Exercise details — The stretch wanted below opens at the line containing "#4=IFCGEOMETRICREPRESENTATIONCONTEXT($,'Model',3,1.E-05,#2,#3);" and closes at the line containing "#16=IFCSITE('0000000000000000000004',$,'Xuanlan Plaza Metro". Please return it exactly, with no other lines.

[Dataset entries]
◇ ◇ ◇ ◇ ◇

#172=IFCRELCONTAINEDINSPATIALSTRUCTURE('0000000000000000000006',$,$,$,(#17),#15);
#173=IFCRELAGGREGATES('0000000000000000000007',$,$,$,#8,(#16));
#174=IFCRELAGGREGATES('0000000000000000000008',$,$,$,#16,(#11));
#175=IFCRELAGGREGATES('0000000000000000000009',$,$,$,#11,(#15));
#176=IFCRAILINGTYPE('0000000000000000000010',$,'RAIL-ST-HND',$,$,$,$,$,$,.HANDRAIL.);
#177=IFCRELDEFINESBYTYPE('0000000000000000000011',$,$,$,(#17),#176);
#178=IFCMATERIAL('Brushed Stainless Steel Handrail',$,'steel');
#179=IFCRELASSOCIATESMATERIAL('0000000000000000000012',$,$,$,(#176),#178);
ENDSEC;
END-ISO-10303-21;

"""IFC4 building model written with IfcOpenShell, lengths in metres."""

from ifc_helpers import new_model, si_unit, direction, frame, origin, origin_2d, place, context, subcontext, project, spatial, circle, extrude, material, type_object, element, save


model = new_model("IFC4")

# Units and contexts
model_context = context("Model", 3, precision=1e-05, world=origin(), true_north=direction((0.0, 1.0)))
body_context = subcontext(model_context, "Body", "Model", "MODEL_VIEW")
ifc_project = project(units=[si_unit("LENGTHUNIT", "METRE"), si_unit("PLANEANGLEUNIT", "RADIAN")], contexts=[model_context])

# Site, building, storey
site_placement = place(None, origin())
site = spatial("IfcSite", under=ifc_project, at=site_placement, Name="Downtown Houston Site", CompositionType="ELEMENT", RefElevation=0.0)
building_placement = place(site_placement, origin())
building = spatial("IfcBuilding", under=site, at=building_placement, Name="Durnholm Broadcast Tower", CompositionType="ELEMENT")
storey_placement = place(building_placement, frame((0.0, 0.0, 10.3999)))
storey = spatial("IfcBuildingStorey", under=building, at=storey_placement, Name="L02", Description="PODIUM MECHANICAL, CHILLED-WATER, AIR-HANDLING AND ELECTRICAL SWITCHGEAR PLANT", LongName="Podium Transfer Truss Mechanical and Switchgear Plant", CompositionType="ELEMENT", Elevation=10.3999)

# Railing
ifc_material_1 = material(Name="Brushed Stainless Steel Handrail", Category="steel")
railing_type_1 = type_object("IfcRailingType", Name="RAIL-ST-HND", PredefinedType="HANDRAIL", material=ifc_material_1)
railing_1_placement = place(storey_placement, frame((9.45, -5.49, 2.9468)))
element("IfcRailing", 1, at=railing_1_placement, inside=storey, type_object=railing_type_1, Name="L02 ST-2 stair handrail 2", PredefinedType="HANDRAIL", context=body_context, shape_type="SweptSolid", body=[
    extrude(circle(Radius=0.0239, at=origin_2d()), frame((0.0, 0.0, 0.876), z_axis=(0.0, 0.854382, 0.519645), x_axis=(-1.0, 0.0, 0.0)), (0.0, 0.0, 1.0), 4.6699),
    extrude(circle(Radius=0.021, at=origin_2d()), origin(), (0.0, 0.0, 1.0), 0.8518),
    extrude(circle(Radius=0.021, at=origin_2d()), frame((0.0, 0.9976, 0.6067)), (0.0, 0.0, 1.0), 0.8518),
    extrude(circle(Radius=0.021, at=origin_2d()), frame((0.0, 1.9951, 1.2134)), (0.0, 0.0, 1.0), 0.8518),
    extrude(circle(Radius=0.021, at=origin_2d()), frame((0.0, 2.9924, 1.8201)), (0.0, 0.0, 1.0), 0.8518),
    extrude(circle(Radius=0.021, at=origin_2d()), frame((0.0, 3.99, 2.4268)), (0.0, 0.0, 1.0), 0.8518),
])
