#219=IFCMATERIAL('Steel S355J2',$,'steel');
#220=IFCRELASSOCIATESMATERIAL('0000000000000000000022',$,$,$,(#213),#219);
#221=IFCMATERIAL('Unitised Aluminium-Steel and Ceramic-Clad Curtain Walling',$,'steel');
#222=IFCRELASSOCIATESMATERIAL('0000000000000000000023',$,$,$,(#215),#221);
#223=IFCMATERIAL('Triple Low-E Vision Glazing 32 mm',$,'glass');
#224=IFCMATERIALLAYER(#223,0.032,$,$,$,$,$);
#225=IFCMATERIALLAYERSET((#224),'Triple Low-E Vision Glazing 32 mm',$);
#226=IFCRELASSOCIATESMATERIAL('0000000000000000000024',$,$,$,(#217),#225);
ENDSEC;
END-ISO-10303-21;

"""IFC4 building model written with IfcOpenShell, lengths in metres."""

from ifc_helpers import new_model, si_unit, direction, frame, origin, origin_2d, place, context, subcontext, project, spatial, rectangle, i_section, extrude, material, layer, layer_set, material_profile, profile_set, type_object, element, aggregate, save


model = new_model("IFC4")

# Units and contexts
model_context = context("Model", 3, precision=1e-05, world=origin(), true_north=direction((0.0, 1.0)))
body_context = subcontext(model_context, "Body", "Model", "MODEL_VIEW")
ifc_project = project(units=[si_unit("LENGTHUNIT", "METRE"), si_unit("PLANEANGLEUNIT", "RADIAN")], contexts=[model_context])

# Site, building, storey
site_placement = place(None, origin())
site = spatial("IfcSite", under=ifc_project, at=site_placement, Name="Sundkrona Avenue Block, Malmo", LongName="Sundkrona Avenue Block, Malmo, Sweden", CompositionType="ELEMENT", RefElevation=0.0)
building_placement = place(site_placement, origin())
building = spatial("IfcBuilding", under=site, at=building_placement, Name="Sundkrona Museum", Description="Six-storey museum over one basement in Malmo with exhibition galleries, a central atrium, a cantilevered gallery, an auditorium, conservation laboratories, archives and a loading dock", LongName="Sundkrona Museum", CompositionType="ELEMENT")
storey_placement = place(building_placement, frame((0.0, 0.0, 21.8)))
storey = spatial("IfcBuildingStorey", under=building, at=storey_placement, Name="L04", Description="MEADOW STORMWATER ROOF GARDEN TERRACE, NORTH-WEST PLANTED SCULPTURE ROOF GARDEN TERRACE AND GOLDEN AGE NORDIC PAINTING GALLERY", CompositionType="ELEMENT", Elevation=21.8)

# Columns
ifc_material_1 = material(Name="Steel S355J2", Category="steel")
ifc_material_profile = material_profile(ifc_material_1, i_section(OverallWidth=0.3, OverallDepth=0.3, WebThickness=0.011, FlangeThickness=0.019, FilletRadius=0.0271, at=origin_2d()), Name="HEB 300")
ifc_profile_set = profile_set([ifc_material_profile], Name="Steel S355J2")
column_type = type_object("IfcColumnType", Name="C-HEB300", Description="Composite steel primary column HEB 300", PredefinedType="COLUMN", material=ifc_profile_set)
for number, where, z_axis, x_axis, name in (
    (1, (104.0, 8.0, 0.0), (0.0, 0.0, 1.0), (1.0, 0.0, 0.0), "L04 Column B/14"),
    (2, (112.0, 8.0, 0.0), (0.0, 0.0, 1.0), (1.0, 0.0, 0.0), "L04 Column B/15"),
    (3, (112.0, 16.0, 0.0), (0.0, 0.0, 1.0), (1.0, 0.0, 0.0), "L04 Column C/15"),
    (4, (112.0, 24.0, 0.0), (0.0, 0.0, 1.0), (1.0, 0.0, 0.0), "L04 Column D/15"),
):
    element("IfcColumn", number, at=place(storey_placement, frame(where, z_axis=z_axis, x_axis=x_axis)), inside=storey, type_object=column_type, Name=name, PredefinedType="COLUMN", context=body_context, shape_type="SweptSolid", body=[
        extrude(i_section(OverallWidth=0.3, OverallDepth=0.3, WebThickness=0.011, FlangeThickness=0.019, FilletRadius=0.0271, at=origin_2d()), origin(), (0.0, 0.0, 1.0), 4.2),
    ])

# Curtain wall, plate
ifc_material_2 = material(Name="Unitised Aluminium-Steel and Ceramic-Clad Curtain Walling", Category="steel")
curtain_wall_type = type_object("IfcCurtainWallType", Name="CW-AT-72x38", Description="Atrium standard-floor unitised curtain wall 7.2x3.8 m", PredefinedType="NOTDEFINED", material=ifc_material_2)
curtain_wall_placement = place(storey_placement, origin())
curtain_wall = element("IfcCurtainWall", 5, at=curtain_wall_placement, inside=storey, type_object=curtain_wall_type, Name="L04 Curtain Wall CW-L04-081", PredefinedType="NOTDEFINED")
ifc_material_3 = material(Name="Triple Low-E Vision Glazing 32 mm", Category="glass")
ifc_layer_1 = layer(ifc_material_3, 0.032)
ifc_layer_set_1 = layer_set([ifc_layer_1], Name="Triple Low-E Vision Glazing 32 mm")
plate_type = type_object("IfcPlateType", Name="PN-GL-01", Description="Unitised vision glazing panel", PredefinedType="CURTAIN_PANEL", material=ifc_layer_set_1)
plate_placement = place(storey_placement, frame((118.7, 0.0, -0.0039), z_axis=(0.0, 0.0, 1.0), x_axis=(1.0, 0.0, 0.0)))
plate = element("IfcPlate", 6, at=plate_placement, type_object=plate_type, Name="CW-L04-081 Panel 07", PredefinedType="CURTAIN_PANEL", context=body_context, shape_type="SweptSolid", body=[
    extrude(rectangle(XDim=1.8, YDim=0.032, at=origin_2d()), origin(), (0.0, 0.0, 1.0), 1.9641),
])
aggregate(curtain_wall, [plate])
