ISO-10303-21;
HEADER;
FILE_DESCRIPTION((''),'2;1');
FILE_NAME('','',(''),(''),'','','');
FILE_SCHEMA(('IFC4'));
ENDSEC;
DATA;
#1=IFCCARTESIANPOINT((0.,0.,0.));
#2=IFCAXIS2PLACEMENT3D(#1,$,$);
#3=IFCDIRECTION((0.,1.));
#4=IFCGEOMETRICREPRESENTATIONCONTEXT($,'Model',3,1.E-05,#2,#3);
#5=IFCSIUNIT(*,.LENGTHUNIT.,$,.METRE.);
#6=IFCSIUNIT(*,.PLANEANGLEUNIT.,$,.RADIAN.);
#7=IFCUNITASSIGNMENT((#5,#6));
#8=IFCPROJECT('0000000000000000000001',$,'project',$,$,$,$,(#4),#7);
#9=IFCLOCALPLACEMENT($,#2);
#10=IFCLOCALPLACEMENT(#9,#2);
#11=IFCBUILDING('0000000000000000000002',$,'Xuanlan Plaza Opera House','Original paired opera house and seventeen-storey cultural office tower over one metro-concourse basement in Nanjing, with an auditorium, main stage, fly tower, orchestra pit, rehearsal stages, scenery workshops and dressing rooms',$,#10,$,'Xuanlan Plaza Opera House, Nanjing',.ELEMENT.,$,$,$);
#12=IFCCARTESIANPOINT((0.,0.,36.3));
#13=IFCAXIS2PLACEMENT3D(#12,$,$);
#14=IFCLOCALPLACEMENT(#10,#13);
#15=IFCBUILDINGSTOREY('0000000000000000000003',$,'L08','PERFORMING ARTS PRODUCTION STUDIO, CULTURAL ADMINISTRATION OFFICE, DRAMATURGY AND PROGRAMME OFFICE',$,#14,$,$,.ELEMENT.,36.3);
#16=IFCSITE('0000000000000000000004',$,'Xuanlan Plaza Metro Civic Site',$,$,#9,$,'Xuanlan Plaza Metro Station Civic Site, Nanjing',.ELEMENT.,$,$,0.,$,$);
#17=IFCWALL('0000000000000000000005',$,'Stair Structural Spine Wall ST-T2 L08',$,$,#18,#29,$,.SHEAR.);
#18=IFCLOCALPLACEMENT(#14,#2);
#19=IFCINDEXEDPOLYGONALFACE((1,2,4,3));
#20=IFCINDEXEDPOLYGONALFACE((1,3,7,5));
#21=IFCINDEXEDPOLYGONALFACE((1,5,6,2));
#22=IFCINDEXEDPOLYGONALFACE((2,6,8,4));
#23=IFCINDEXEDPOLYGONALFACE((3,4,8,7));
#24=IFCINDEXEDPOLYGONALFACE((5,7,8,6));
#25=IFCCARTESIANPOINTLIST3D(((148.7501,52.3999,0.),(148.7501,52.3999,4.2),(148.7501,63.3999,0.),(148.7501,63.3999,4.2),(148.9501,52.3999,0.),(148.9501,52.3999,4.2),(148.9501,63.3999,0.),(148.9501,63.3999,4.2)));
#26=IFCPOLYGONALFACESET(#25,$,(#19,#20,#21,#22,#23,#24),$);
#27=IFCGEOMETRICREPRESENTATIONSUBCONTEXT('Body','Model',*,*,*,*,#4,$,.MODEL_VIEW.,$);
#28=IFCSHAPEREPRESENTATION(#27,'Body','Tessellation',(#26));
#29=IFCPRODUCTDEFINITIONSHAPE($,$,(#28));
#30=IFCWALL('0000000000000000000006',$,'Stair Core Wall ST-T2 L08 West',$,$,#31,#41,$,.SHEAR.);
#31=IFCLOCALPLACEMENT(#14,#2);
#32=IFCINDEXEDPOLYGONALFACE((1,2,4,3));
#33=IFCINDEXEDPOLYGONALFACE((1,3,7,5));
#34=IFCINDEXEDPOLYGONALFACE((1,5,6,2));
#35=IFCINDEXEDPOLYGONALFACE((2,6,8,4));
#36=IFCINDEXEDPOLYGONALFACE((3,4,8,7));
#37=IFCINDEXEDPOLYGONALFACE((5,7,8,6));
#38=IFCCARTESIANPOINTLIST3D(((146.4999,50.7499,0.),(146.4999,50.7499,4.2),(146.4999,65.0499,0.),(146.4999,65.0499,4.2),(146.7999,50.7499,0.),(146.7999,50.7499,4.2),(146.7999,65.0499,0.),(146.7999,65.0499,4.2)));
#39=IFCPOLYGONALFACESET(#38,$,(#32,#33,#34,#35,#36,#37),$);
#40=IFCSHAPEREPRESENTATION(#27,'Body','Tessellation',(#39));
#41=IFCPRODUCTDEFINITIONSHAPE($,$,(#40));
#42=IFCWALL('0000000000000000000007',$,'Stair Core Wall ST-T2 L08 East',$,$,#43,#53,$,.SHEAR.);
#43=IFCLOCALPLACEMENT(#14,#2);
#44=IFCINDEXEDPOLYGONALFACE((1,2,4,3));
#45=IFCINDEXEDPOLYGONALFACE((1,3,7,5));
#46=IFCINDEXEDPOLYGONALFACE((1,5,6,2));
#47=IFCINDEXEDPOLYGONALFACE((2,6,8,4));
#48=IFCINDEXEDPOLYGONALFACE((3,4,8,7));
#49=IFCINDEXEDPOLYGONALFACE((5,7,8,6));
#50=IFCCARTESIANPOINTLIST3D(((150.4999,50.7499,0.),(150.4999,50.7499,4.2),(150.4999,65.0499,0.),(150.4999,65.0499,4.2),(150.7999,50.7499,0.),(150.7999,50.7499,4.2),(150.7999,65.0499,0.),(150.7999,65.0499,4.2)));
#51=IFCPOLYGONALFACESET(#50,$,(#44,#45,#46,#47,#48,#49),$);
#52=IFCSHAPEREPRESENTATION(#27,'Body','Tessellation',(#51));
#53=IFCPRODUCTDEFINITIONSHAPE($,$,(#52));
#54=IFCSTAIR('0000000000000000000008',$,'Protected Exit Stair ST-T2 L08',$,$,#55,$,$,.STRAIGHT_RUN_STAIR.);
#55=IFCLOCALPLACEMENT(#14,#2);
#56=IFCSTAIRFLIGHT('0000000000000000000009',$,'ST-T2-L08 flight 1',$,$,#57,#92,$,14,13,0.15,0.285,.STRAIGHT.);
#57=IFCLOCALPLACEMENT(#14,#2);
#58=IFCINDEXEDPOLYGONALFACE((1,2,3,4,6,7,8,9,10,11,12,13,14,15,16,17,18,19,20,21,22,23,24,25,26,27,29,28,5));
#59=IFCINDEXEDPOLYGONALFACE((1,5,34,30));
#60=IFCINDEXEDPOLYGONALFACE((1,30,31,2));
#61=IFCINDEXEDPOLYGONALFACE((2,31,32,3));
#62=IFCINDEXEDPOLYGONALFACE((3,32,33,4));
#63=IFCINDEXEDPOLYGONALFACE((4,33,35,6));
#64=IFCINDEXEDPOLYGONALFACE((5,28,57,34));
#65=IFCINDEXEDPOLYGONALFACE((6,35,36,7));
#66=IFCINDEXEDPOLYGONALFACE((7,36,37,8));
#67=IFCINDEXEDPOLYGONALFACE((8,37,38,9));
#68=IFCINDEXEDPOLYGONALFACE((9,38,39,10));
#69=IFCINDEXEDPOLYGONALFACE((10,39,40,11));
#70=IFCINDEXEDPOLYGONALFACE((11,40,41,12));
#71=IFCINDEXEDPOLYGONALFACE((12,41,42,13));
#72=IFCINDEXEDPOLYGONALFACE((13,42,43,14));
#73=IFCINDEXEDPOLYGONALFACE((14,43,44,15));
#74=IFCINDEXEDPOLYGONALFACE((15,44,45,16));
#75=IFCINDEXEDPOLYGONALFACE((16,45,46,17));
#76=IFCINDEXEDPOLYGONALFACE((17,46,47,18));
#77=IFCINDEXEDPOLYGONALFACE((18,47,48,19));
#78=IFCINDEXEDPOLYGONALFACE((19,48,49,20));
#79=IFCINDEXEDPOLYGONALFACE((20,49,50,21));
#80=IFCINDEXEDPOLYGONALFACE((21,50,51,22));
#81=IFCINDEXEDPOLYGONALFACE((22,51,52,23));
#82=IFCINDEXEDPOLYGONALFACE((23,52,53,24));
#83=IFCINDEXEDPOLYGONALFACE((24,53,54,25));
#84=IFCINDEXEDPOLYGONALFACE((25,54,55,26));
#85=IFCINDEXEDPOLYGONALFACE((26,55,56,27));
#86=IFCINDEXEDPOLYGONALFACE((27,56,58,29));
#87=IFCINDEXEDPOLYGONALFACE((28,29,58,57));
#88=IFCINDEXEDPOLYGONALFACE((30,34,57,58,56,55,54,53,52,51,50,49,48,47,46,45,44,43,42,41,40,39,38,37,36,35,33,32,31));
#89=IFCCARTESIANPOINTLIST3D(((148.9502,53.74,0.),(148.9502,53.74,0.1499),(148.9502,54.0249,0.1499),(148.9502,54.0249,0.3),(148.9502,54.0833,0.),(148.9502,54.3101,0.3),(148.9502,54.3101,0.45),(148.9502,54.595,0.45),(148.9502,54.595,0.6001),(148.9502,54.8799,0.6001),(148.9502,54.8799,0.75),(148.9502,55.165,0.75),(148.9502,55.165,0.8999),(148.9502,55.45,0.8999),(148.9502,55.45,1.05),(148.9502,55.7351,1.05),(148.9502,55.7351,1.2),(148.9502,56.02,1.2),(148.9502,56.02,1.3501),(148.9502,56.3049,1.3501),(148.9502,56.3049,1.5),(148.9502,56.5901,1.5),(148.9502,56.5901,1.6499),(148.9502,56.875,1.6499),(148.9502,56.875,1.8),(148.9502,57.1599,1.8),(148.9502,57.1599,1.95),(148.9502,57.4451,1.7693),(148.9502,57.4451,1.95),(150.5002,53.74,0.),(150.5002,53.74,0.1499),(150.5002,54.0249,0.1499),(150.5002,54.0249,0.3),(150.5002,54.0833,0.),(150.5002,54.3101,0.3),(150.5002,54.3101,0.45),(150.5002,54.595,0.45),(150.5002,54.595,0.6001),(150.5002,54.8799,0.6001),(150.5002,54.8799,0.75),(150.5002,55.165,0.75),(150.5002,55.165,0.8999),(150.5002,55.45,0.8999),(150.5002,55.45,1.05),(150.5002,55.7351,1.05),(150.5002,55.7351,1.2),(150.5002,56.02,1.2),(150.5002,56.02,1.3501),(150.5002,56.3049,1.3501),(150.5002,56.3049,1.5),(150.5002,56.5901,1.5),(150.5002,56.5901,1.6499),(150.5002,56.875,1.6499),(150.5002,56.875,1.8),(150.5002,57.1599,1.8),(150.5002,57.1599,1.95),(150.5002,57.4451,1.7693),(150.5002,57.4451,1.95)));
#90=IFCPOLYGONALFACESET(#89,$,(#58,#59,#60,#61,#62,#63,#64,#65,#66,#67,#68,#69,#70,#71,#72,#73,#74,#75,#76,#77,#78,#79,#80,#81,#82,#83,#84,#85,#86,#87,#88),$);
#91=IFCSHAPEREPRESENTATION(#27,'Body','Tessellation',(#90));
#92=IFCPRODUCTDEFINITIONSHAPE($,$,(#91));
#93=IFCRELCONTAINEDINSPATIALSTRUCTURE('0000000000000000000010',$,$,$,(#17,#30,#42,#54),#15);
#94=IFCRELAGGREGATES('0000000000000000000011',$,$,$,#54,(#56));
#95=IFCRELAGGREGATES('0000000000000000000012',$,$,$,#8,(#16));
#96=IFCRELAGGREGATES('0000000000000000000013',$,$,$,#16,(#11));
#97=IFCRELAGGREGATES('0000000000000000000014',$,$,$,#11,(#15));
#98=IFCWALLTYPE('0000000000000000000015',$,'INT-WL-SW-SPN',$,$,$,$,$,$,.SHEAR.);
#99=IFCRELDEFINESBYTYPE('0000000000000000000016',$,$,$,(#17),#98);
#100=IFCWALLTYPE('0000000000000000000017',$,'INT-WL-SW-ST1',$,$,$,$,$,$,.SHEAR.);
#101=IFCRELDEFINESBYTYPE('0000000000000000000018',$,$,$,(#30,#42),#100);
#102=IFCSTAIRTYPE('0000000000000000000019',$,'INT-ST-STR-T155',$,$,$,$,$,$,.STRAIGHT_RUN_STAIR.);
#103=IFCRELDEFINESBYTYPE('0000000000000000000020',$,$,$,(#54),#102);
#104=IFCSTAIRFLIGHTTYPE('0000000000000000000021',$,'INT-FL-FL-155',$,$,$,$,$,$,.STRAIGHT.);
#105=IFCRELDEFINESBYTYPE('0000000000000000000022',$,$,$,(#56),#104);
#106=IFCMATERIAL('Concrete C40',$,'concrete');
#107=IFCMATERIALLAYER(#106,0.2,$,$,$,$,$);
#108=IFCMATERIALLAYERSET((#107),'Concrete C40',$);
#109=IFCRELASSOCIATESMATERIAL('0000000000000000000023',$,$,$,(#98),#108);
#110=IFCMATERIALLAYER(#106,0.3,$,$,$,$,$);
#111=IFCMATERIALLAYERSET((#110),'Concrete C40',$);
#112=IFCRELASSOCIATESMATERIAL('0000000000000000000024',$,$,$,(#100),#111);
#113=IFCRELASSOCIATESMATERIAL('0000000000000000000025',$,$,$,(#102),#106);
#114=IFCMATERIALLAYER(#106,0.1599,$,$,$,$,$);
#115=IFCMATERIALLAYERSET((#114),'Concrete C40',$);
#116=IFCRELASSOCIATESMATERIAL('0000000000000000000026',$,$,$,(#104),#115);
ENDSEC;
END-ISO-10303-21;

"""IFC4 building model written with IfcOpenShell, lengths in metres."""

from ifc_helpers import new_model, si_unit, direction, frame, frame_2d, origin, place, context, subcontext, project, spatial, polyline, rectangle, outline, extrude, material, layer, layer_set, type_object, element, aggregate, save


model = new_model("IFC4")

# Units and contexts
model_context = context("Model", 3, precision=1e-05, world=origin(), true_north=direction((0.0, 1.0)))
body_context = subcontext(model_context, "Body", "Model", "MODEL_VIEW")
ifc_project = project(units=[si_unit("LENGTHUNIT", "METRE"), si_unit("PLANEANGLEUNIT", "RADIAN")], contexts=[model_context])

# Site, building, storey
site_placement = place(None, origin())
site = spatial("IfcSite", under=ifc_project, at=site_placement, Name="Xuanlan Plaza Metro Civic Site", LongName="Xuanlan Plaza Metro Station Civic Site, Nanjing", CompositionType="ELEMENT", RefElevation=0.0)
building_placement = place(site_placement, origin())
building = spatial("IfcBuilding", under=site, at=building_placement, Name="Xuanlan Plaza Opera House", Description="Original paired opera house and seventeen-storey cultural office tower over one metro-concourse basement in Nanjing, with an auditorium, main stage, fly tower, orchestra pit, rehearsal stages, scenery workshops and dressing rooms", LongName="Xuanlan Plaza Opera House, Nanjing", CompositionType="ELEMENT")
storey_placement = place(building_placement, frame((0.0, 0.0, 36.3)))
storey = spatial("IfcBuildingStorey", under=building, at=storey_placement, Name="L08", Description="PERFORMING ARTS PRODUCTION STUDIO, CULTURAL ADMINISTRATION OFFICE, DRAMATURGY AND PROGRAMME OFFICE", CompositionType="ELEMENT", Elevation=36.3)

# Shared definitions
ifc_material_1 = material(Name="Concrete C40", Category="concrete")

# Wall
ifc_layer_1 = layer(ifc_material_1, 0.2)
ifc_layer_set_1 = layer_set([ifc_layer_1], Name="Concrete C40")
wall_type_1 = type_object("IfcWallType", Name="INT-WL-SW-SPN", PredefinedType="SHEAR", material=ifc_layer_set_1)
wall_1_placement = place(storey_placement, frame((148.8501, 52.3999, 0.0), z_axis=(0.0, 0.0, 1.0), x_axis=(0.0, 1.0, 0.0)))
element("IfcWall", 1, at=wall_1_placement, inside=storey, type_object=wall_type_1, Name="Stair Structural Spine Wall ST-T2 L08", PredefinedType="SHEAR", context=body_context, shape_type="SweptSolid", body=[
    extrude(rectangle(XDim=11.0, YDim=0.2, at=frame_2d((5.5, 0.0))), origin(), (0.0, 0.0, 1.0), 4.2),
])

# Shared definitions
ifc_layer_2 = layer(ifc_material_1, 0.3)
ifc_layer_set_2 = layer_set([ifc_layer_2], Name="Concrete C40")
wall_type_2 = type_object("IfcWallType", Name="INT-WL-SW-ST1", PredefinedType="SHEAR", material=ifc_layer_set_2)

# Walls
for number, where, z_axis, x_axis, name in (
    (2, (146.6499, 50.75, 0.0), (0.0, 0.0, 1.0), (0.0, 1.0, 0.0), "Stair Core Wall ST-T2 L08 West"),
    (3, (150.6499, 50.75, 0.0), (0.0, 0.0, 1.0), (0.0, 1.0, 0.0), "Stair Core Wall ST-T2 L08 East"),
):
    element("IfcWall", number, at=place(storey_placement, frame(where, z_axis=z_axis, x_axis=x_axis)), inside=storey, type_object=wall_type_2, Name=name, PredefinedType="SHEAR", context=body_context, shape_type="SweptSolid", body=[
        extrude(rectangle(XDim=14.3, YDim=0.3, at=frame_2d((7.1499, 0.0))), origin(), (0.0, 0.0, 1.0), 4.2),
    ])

◇ ◇ ◇ ◇ ◇

Answer below —
#4=IFCGEOMETRICREPRESENTATIONCONTEXT($,'Model',3,1.E-05,#2,#3);
#5=IFCSIUNIT(*,.LENGTHUNIT.,$,.METRE.);
#6=IFCSIUNIT(*,.PLANEANGLEUNIT.,$,.RADIAN.);
#7=IFCUNITASSIGNMENT((#5,#6));
#8=IFCPROJECT('0000000000000000000001',$,'project',$,$,$,$,(#4),#7);
#9=IFCLOCALPLACEMENT($,#2);
#10=IFCLOCALPLACEMENT(#9,#2);
#11=IFCBUILDING('0000000000000000000002',$,'Xuanlan Plaza Opera House','Original paired opera house and seventeen-storey cultural office tower over one metro-concourse basement in Nanjing, with an auditorium, main stage, fly tower, orchestra pit, rehearsal stages, scenery workshops and dressing rooms',$,#10,$,'Xuanlan Plaza Opera House, Nanjing',.ELEMENT.,$,$,$);
#12=IFCCARTESIANPOINT((0.,0.,36.3));
#13=IFCAXIS2PLACEMENT3D(#12,$,$);
#14=IFCLOCALPLACEMENT(#10,#13);
#15=IFCBUILDINGSTOREY('0000000000000000000003',$,'L08','PERFORMING ARTS PRODUCTION STUDIO, CULTURAL ADMINISTRATION OFFICE, DRAMATURGY AND PROGRAMME OFFICE',$,#14,$,$,.ELEMENT.,36.3);
#16=IFCSITE('0000000000000000000004',$,'Xuanlan Plaza Metro Civic Site',$,$,#9,$,'Xuanlan Plaza Metro Station Civic Site, Nanjing',.ELEMENT.,$,$,0.,$,$);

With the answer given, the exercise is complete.